(Beginning of RECORDS SUPPLIED)

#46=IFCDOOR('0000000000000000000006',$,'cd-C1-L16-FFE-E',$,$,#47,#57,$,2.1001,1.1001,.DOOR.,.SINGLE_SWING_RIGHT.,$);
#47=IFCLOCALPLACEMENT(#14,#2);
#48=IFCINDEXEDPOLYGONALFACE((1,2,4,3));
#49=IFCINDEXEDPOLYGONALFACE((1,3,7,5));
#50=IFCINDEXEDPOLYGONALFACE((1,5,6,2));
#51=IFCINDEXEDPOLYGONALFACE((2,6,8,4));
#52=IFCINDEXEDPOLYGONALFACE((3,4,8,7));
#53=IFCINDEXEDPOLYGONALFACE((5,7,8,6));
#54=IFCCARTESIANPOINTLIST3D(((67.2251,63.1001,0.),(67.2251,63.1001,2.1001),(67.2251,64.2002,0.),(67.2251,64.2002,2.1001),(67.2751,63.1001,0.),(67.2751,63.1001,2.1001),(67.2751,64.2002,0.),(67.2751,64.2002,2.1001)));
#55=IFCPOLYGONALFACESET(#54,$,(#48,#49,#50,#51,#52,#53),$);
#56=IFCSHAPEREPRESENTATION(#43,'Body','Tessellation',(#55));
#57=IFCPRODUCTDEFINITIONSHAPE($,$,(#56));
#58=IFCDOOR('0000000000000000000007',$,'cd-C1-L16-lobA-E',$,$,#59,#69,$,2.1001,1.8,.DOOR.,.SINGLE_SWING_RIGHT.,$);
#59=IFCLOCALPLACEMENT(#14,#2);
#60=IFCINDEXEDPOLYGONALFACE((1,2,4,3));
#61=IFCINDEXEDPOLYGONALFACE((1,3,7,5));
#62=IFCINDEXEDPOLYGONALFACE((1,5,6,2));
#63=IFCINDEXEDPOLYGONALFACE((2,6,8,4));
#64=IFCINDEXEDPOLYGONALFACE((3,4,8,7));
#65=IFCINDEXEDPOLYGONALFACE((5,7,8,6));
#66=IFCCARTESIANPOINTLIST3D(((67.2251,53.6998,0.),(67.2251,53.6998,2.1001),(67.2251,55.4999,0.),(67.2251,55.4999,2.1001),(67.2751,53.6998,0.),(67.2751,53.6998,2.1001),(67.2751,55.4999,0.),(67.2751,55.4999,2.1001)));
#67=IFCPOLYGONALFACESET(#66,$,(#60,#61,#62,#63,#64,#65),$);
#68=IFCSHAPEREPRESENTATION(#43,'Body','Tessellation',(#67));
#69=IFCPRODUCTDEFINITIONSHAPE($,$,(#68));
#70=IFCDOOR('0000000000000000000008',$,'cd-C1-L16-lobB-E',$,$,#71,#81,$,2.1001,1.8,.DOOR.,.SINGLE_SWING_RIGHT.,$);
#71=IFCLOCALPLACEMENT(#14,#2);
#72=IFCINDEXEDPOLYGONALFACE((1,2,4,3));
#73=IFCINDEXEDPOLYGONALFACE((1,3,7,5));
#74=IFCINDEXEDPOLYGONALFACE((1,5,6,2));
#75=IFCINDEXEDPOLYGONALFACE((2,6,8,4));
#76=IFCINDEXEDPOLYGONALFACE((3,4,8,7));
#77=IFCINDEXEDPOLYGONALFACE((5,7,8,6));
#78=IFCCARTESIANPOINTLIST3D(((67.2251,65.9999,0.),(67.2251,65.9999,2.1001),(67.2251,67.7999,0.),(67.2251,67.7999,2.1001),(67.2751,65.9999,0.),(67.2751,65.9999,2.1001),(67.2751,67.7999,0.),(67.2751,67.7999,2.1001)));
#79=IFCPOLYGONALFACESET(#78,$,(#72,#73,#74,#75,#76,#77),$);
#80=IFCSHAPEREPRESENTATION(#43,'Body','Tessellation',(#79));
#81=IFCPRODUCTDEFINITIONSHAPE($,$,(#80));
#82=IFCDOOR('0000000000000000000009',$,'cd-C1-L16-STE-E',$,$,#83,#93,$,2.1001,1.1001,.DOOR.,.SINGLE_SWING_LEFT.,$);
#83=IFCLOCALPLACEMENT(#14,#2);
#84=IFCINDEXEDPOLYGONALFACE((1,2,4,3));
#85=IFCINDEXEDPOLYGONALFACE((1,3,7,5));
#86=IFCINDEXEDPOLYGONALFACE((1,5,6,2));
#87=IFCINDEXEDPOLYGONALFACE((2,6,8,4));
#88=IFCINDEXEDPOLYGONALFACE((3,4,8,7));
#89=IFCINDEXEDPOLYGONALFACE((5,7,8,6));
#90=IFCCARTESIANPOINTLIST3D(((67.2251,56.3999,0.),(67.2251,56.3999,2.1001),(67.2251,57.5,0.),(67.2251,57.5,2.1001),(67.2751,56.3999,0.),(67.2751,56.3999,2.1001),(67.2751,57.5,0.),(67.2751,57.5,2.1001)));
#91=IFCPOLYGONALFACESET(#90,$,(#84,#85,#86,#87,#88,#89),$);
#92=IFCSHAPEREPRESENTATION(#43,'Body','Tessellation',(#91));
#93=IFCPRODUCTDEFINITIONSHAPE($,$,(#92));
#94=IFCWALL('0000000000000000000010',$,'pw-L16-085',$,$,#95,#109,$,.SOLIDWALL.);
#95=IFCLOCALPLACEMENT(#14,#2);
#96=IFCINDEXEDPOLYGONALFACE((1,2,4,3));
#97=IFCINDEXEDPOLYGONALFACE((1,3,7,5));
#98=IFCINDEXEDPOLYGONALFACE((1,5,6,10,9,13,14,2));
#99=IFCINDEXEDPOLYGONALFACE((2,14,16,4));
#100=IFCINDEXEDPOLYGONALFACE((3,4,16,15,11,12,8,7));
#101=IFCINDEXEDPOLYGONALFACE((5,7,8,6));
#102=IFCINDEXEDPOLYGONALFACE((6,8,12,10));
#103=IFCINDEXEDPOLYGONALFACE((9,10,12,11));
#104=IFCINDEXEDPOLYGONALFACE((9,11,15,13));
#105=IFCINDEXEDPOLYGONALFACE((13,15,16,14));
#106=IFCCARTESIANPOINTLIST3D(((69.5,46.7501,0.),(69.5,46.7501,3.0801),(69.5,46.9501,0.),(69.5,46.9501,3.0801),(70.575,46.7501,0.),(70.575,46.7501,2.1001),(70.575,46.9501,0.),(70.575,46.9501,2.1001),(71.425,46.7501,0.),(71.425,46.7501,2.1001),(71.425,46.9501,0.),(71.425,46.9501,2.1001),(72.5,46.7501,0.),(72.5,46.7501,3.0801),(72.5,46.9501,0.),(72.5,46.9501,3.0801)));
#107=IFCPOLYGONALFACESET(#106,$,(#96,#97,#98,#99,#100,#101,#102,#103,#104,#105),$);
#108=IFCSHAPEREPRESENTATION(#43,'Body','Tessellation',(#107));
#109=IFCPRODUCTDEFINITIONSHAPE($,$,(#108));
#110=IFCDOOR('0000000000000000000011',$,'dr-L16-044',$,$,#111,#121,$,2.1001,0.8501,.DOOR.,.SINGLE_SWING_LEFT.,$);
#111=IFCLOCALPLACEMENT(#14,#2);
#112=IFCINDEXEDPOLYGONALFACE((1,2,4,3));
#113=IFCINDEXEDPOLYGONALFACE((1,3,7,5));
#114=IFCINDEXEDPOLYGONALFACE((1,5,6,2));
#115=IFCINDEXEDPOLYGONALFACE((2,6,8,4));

(End of RECORDS SUPPLIED)
(Beginning of RECORDS SUPPLIED)

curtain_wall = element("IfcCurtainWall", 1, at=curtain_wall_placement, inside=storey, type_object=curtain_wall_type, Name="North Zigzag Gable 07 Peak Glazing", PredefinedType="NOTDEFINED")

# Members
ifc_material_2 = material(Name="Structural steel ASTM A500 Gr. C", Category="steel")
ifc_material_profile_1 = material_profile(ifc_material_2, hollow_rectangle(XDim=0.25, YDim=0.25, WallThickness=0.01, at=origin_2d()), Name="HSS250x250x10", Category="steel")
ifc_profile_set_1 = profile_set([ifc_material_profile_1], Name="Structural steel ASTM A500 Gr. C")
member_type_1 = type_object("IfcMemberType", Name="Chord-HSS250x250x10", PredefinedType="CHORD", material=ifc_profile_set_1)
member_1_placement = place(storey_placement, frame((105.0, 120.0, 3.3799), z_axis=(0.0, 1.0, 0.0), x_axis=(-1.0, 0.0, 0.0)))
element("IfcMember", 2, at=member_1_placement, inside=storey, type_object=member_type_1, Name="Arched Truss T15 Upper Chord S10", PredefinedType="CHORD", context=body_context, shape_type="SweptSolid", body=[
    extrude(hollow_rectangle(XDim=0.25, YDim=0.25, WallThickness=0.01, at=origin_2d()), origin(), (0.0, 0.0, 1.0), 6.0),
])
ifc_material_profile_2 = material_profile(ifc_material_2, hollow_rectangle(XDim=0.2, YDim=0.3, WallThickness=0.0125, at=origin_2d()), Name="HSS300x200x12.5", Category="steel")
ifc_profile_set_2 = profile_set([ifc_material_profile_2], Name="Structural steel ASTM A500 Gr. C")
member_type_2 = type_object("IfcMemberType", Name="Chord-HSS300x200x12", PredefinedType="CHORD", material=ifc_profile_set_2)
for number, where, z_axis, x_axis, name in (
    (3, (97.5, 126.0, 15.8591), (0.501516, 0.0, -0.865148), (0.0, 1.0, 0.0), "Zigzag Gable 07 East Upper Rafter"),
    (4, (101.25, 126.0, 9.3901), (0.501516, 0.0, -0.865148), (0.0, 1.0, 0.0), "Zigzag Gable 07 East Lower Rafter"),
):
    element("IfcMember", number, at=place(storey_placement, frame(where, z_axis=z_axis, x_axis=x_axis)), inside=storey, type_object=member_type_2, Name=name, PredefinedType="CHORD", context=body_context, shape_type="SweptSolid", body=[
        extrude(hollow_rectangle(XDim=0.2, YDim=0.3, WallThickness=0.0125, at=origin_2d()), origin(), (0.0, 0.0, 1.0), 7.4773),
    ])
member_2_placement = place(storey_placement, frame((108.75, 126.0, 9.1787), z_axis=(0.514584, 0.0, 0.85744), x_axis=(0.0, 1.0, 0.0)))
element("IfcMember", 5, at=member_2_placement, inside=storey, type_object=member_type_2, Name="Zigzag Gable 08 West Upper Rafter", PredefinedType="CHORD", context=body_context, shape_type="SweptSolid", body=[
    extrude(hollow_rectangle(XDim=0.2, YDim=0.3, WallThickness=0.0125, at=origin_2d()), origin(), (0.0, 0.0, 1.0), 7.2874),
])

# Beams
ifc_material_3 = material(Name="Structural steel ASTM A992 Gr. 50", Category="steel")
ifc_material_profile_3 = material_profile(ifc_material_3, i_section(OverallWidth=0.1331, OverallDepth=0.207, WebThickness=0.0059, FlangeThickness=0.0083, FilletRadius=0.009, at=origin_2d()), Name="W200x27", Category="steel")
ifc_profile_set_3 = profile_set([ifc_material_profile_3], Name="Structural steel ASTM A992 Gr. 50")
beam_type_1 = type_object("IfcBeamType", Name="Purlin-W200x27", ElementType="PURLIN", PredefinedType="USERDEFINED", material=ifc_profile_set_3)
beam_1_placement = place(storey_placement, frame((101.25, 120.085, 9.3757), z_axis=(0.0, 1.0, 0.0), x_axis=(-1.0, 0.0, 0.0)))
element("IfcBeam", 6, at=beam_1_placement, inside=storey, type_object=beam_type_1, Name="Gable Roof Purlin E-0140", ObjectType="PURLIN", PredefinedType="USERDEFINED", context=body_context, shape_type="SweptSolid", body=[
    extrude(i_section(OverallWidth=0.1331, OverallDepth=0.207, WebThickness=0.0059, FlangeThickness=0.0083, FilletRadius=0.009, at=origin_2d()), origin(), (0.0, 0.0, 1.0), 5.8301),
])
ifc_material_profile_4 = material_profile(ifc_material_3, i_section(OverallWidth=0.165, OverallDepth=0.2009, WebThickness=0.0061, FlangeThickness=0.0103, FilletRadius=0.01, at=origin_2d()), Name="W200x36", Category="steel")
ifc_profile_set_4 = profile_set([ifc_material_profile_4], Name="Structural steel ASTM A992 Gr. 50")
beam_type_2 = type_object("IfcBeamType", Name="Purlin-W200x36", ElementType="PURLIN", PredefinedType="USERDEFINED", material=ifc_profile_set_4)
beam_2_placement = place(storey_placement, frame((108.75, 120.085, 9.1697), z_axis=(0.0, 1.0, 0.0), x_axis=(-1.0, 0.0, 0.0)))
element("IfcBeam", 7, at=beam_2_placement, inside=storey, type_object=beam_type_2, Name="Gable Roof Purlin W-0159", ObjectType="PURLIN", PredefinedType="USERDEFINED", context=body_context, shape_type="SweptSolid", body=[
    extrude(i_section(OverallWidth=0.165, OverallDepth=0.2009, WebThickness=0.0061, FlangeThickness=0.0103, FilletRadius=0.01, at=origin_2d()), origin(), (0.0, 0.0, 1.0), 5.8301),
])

(End of RECORDS SUPPLIED)

→ **YOUR ASSIGNMENT**
Among the lines above, find each one containing the string "WallThickness" and copy it.

→ **WRITTEN RESPONSE**
ifc_material_profile_1 = material_profile(ifc_material_2, hollow_rectangle(XDim=0.25, YDim=0.25, WallThickness=0.01, at=origin_2d()), Name="HSS250x250x10", Category="steel")
    extrude(hollow_rectangle(XDim=0.25, YDim=0.25, WallThickness=0.01, at=origin_2d()), origin(), (0.0, 0.0, 1.0), 6.0),
ifc_material_profile_2 = material_profile(ifc_material_2, hollow_rectangle(XDim=0.2, YDim=0.3, WallThickness=0.0125, at=origin_2d()), Name="HSS300x200x12.5", Category="steel")
        extrude(hollow_rectangle(XDim=0.2, YDim=0.3, WallThickness=0.0125, at=origin_2d()), origin(), (0.0, 0.0, 1.0), 7.4773),
    extrude(hollow_rectangle(XDim=0.2, YDim=0.3, WallThickness=0.0125, at=origin_2d()), origin(), (0.0, 0.0, 1.0), 7.2874),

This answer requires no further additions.